Items from a data source:
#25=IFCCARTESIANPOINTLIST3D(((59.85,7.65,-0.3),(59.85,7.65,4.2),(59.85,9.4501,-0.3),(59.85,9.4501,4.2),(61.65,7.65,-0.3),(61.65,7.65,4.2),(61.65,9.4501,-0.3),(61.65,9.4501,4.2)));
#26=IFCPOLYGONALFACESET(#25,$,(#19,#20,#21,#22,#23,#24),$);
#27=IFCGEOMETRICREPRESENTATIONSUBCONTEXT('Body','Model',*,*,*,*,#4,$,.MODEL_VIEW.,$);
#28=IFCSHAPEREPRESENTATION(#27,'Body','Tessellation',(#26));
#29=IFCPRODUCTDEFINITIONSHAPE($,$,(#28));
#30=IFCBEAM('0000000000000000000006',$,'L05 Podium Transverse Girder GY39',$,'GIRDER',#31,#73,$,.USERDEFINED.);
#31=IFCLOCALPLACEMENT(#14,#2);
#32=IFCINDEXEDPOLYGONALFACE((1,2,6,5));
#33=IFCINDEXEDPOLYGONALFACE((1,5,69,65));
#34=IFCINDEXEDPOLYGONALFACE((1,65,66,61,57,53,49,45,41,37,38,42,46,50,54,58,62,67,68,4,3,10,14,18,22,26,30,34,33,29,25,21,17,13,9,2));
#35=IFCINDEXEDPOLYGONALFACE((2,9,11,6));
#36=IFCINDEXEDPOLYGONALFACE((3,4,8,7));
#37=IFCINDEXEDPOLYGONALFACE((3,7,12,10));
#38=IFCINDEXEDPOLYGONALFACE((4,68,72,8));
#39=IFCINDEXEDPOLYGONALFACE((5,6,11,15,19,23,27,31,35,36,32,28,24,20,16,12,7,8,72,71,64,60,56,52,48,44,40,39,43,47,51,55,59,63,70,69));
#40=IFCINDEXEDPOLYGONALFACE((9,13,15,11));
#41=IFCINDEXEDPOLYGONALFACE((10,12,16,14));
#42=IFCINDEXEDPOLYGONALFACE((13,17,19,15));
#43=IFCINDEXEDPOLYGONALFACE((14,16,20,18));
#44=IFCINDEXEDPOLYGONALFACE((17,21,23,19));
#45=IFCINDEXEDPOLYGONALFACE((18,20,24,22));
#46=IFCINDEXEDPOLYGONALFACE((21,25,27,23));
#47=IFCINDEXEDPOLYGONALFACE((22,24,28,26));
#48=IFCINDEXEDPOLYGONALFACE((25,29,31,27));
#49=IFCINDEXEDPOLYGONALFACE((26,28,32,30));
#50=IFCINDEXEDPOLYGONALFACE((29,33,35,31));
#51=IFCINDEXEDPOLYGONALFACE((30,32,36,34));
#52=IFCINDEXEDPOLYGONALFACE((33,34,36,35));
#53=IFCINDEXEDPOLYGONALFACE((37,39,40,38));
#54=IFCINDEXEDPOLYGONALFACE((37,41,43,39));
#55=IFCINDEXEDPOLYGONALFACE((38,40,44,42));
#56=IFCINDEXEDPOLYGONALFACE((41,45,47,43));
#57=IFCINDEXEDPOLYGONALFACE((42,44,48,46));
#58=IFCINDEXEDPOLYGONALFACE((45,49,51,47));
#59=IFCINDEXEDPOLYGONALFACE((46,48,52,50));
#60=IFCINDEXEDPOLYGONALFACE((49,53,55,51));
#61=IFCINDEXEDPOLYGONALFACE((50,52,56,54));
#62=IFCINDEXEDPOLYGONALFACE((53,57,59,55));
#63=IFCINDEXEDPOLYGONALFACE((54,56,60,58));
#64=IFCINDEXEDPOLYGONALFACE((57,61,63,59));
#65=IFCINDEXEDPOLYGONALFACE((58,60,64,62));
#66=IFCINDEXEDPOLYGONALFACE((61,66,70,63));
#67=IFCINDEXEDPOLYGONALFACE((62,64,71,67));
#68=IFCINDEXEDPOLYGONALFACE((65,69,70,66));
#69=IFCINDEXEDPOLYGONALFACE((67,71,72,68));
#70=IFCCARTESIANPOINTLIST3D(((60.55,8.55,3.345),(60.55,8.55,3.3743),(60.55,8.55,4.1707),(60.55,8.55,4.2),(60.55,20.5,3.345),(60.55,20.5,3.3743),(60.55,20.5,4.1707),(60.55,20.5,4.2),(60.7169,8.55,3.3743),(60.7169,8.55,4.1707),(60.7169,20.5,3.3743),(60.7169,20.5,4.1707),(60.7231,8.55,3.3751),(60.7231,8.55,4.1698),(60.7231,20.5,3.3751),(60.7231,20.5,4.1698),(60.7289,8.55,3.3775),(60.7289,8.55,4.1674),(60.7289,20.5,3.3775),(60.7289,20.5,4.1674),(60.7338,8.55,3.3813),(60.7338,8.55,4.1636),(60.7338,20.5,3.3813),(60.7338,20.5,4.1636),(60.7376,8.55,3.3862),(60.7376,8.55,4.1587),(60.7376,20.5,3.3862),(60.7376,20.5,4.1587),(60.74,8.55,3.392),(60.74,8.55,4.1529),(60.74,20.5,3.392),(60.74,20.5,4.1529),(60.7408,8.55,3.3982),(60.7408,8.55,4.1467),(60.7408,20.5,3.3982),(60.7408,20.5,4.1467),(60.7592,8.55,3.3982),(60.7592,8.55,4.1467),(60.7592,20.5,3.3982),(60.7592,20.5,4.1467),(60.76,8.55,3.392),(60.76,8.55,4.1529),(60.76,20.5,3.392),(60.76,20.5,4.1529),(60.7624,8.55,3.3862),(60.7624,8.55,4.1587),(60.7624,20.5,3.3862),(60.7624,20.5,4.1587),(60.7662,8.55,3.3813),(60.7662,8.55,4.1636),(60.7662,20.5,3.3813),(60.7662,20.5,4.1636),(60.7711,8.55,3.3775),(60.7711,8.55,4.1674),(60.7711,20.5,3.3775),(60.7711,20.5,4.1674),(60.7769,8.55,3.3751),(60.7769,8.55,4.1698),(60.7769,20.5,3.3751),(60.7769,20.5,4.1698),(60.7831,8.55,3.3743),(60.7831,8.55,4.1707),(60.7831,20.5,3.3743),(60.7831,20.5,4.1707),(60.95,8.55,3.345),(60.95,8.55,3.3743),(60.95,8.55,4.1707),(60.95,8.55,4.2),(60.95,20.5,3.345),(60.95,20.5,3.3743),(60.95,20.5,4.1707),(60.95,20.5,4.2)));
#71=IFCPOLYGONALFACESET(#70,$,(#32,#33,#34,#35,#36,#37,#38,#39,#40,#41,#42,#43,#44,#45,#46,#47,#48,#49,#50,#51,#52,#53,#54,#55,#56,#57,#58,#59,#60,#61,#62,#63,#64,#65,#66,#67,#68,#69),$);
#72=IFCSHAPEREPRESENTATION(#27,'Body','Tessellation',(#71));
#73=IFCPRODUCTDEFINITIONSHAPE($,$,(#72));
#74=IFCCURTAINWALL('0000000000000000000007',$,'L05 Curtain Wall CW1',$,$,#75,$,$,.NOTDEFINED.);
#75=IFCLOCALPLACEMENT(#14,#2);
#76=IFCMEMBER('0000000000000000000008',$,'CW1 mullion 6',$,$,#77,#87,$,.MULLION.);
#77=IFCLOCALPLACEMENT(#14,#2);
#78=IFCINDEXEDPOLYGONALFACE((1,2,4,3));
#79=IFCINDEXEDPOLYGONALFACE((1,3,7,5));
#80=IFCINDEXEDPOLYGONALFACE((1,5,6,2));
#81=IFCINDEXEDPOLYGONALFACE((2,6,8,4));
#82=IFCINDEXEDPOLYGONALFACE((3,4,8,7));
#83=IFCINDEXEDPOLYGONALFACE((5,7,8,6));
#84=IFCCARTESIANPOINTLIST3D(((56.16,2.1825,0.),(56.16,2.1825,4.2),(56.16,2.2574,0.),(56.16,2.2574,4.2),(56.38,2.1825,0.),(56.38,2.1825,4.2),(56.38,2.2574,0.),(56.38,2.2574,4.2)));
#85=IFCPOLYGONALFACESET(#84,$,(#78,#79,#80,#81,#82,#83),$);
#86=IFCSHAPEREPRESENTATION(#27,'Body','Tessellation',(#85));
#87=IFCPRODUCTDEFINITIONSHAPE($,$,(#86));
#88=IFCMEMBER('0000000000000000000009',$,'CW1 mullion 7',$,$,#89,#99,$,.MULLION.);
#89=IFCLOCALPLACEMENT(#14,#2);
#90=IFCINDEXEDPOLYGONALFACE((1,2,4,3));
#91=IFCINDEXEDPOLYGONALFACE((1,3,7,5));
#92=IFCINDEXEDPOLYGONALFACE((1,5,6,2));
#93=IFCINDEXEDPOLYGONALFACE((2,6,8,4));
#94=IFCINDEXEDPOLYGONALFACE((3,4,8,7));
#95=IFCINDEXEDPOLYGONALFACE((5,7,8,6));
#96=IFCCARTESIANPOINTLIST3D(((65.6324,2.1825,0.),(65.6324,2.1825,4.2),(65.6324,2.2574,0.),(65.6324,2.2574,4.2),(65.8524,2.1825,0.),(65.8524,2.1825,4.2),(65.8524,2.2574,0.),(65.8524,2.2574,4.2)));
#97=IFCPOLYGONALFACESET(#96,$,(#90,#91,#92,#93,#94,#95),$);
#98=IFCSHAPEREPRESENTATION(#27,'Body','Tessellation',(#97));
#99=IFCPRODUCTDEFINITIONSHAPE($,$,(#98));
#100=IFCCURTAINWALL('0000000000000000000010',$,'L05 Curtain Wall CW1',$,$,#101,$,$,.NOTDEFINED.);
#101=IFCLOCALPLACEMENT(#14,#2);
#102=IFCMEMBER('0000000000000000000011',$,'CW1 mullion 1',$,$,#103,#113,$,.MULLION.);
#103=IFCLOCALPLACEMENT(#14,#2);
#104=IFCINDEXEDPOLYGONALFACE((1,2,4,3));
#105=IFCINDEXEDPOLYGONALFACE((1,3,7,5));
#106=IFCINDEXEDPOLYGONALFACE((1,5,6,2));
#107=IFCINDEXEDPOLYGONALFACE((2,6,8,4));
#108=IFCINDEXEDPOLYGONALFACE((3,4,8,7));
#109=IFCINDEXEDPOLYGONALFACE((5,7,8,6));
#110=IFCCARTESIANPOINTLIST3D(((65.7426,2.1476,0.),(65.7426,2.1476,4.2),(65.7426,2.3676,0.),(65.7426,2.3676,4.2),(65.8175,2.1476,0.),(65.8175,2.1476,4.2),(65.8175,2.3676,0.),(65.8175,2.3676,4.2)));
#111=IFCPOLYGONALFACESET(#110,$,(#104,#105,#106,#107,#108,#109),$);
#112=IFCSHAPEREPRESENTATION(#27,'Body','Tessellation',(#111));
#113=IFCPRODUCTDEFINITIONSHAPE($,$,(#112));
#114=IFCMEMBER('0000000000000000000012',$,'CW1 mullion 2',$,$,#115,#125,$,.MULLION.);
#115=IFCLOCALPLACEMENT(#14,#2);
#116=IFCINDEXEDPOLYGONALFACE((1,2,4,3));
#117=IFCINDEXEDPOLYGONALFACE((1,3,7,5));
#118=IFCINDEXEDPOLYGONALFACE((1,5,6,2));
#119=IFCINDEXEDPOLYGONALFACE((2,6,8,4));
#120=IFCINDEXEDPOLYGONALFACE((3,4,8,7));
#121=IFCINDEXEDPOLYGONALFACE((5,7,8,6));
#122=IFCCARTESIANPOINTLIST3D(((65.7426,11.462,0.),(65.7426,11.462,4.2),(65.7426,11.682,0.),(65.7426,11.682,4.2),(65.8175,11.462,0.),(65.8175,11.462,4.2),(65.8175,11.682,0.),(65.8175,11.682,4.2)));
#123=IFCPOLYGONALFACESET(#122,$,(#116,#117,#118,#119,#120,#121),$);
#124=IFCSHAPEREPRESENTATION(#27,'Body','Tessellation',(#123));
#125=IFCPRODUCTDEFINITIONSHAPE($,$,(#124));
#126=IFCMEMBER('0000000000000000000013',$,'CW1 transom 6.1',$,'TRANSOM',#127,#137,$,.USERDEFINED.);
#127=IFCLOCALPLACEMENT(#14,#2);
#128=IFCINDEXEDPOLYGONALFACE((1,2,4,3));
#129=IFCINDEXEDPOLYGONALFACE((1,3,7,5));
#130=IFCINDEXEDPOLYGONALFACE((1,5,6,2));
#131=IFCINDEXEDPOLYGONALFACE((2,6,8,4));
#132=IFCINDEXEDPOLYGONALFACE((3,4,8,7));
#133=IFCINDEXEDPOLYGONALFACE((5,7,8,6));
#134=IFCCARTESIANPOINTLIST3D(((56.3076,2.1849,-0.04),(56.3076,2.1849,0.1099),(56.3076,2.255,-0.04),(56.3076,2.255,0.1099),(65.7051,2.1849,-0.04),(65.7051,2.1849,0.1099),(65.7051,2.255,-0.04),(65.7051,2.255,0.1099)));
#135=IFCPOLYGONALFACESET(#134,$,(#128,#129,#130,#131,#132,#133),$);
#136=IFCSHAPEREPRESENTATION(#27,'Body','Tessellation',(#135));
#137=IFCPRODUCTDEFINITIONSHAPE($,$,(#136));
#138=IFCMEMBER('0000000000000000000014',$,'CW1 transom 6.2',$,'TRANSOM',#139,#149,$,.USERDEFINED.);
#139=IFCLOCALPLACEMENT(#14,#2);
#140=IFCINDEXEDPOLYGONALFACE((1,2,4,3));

Task description: Set down exactly the lines of the data above, beginning with the line that has "#50=IFCINDEXEDPOLYGONALFACE((29,33,35,31));" and ending with the line that has "#69=IFCINDEXEDPOLYGONALFACE((67,71,72,68));", and no others.

Result of this task:
#50=IFCINDEXEDPOLYGONALFACE((29,33,35,31));
#51=IFCINDEXEDPOLYGONALFACE((30,32,36,34));
#52=IFCINDEXEDPOLYGONALFACE((33,34,36,35));
#53=IFCINDEXEDPOLYGONALFACE((37,39,40,38));
#54=IFCINDEXEDPOLYGONALFACE((37,41,43,39));
#55=IFCINDEXEDPOLYGONALFACE((38,40,44,42));
#56=IFCINDEXEDPOLYGONALFACE((41,45,47,43));
#57=IFCINDEXEDPOLYGONALFACE((42,44,48,46));
#58=IFCINDEXEDPOLYGONALFACE((45,49,51,47));
#59=IFCINDEXEDPOLYGONALFACE((46,48,52,50));
#60=IFCINDEXEDPOLYGONALFACE((49,53,55,51));
#61=IFCINDEXEDPOLYGONALFACE((50,52,56,54));
#62=IFCINDEXEDPOLYGONALFACE((53,57,59,55));
#63=IFCINDEXEDPOLYGONALFACE((54,56,60,58));
#64=IFCINDEXEDPOLYGONALFACE((57,61,63,59));
#65=IFCINDEXEDPOLYGONALFACE((58,60,64,62));
#66=IFCINDEXEDPOLYGONALFACE((61,66,70,63));
#67=IFCINDEXEDPOLYGONALFACE((62,64,71,67));
#68=IFCINDEXEDPOLYGONALFACE((65,69,70,66));
#69=IFCINDEXEDPOLYGONALFACE((67,71,72,68));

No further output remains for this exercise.